:: TASK OBJECTIVE ::
Quote precisely the final stretch of the listing: start at the line containing "if type_object is" and stop after the last line.

RECORDS SHOWN section start

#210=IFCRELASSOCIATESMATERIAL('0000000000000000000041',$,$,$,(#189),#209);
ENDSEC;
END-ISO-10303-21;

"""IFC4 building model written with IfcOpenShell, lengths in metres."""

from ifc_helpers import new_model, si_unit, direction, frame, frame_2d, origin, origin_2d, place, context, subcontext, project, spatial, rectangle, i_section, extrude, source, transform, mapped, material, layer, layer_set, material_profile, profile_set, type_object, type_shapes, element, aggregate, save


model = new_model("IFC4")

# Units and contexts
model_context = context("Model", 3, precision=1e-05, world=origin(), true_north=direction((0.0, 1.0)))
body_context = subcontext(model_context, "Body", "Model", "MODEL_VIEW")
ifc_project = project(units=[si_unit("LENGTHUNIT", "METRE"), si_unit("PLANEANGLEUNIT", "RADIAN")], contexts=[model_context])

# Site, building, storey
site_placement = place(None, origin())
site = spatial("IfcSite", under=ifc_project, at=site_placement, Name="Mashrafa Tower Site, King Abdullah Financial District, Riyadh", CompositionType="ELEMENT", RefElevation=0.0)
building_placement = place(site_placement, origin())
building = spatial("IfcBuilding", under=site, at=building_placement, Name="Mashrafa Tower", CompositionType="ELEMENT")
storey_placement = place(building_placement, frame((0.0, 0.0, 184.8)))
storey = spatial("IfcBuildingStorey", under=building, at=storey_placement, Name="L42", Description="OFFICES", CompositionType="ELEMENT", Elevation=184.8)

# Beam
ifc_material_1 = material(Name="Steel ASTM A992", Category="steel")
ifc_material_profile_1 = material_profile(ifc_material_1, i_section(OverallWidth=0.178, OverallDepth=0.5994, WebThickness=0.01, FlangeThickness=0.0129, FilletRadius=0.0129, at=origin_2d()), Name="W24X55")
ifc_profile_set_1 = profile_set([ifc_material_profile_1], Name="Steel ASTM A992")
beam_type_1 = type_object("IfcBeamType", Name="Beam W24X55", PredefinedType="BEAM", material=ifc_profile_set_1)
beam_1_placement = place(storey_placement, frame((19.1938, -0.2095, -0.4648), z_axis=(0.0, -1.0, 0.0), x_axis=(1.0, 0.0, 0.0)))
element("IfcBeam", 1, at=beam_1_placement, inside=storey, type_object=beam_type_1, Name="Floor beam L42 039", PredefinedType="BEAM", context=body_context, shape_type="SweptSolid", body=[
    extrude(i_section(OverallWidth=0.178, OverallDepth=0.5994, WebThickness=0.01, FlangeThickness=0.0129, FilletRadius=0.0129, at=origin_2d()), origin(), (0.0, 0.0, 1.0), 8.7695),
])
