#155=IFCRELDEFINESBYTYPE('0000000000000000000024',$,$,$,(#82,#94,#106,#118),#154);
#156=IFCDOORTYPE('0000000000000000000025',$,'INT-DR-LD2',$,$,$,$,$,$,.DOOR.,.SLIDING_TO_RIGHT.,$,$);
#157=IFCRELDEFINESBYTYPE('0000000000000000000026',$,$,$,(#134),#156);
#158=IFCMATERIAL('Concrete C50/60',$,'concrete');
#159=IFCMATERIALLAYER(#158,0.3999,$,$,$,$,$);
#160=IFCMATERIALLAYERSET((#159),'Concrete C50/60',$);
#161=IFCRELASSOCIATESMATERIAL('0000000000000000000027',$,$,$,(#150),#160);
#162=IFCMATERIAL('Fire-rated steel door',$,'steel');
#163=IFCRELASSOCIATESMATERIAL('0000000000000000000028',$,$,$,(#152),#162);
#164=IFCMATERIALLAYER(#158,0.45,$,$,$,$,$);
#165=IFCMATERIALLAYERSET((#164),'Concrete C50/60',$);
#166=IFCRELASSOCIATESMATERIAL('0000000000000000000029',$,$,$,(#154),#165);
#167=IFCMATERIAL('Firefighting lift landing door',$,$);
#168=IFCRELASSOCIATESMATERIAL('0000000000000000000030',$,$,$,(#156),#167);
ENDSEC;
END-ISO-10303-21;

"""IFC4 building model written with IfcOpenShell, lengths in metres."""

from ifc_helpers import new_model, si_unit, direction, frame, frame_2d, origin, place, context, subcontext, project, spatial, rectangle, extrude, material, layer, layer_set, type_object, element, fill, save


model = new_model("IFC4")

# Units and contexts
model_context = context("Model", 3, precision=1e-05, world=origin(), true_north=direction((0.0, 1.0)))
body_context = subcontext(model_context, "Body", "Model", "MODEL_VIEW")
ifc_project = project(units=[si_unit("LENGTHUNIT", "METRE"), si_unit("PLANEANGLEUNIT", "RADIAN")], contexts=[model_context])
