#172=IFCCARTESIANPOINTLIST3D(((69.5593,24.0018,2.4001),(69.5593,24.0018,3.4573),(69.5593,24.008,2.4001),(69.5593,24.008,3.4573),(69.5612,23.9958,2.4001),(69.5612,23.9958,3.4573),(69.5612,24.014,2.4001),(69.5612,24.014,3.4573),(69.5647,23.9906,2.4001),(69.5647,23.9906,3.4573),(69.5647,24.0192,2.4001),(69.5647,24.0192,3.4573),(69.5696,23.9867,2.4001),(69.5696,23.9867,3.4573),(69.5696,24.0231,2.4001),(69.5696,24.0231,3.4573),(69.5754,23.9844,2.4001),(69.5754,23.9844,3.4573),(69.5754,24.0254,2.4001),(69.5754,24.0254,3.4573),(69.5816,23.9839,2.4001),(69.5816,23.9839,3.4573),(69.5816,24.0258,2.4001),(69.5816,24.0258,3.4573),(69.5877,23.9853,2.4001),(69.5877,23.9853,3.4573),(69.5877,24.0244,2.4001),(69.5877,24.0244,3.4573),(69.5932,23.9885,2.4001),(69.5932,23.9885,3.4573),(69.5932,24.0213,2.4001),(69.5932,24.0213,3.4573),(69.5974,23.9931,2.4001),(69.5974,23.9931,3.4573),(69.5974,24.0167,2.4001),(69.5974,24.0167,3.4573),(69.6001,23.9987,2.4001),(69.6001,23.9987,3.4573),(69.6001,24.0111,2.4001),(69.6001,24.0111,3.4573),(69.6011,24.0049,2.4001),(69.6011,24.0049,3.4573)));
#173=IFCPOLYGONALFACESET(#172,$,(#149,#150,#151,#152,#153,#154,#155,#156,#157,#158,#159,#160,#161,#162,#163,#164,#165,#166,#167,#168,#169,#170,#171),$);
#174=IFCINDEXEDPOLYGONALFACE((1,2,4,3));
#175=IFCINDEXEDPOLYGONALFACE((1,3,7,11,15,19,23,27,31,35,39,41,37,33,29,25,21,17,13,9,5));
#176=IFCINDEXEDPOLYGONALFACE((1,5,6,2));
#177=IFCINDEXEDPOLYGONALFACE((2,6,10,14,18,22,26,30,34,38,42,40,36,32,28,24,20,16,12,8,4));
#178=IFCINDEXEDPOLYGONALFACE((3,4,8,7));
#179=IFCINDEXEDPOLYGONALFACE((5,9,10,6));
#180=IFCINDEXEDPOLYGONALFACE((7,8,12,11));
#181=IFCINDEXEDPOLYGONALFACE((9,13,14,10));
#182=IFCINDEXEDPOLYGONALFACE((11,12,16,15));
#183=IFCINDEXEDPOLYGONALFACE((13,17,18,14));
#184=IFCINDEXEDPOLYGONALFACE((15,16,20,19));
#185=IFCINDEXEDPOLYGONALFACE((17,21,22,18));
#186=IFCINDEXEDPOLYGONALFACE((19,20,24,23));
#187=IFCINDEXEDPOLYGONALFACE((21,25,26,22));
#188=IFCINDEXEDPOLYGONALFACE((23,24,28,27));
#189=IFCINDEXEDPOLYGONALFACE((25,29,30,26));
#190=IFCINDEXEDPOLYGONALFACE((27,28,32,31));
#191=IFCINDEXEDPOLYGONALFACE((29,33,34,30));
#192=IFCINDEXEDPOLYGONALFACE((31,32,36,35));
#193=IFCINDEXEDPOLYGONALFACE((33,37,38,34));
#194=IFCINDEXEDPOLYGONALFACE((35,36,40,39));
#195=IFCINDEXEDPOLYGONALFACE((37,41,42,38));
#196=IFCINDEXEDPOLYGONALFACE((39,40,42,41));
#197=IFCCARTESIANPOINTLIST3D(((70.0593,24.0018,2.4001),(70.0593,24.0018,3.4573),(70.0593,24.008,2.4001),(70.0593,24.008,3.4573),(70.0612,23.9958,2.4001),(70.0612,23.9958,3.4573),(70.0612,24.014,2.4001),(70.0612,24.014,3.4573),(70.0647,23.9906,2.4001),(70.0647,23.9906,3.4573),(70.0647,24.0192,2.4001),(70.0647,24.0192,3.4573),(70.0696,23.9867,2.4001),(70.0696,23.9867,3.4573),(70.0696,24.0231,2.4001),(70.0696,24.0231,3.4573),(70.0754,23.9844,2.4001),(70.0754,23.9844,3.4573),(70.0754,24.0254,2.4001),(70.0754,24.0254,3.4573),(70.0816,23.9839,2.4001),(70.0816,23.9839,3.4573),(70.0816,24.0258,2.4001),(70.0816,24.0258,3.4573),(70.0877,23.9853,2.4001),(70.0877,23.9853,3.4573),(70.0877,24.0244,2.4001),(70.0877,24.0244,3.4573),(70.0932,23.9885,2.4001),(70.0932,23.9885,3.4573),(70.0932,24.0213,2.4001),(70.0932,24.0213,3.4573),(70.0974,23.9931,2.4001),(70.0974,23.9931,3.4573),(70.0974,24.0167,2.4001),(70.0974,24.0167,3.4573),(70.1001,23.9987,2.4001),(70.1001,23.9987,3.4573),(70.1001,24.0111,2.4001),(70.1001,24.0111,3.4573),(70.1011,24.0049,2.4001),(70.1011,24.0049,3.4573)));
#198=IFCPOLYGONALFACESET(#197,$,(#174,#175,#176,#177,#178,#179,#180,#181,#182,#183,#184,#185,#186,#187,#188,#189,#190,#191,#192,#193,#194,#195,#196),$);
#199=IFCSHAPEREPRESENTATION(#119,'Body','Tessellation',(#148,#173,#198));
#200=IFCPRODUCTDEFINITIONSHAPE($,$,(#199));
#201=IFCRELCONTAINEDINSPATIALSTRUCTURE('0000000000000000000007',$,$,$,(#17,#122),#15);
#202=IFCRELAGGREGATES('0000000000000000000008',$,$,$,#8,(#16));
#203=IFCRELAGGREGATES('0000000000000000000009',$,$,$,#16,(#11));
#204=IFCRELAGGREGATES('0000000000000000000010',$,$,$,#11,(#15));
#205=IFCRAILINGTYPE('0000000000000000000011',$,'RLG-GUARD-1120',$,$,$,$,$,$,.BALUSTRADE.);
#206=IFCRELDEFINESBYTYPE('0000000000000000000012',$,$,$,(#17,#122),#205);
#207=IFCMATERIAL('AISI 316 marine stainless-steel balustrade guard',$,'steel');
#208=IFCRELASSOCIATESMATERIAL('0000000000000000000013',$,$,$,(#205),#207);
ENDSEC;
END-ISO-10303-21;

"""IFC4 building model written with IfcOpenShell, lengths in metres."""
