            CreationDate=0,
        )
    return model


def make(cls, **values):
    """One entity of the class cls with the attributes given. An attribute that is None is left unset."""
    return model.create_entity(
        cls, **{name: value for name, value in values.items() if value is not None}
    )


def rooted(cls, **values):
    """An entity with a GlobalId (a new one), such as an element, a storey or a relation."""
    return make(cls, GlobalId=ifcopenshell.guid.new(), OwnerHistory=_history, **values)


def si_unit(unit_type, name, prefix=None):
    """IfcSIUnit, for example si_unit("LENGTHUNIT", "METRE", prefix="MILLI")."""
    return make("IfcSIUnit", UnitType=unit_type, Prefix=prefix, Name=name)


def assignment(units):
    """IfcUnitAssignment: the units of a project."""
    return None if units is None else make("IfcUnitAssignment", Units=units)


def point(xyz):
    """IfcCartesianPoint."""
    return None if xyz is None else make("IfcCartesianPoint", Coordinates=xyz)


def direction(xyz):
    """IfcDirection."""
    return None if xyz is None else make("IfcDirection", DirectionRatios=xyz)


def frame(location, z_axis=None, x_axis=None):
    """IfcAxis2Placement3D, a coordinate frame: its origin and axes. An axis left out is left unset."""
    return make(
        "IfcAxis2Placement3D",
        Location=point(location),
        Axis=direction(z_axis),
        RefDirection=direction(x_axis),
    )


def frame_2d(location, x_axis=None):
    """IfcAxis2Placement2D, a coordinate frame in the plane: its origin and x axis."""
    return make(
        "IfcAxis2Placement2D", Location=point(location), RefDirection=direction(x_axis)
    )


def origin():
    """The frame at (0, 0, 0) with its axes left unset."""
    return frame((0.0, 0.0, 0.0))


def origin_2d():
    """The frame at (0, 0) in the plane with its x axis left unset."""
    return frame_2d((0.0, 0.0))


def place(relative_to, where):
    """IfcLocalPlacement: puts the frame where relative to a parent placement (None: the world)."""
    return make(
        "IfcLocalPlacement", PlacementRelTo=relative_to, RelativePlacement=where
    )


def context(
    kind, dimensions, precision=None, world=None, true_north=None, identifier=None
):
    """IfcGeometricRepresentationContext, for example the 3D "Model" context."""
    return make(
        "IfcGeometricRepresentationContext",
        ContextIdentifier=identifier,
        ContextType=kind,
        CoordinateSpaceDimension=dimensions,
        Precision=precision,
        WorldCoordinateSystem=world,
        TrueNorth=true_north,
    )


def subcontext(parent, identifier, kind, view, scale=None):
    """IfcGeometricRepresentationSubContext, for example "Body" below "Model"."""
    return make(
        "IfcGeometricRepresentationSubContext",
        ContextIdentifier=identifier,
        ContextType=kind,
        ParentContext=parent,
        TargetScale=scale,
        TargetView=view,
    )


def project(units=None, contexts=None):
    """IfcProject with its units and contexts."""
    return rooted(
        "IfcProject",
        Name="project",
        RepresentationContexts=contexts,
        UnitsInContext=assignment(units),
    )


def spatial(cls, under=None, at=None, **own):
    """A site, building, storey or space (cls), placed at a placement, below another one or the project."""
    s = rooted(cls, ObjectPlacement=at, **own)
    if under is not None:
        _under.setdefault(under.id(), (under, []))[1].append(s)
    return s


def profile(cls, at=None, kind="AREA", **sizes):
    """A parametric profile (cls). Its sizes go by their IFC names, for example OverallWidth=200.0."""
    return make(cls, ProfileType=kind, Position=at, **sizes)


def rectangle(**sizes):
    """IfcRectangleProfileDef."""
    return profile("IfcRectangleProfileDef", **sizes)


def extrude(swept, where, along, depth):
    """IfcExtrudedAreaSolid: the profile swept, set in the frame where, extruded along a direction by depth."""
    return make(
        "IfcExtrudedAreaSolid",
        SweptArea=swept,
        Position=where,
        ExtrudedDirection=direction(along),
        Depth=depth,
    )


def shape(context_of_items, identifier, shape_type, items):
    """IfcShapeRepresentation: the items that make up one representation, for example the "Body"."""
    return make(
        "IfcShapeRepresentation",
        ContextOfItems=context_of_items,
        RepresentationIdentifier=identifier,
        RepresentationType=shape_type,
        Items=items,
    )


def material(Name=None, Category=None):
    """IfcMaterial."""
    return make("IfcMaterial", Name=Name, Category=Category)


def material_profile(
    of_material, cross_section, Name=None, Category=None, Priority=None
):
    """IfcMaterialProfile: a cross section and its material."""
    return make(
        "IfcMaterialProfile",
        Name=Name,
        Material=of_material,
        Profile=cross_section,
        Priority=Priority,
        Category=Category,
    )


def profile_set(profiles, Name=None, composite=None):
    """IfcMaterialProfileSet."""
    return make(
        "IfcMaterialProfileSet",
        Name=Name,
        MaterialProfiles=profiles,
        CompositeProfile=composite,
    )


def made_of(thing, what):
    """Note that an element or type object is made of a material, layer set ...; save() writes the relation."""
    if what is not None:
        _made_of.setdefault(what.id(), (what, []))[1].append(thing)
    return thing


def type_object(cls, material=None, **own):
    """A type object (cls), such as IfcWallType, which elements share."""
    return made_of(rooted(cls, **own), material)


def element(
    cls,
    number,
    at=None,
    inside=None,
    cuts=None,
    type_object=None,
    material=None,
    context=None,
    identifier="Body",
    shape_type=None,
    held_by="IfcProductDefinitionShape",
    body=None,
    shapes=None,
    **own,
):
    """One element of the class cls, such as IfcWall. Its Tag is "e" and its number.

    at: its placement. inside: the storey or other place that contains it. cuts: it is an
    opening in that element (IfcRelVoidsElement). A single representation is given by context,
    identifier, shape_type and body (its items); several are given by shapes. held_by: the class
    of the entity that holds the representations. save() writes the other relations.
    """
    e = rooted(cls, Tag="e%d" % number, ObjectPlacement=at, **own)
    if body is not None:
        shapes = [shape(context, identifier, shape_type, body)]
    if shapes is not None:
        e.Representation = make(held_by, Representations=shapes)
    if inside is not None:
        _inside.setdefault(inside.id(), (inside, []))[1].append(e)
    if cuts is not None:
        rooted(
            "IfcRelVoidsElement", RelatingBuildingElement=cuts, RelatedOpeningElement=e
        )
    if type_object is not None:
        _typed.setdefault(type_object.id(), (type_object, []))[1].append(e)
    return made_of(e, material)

RECORDS SHOWN section end

:: FINAL ANSWER ::
    if type_object is not None:
        _typed.setdefault(type_object.id(), (type_object, []))[1].append(e)
    return made_of(e, material)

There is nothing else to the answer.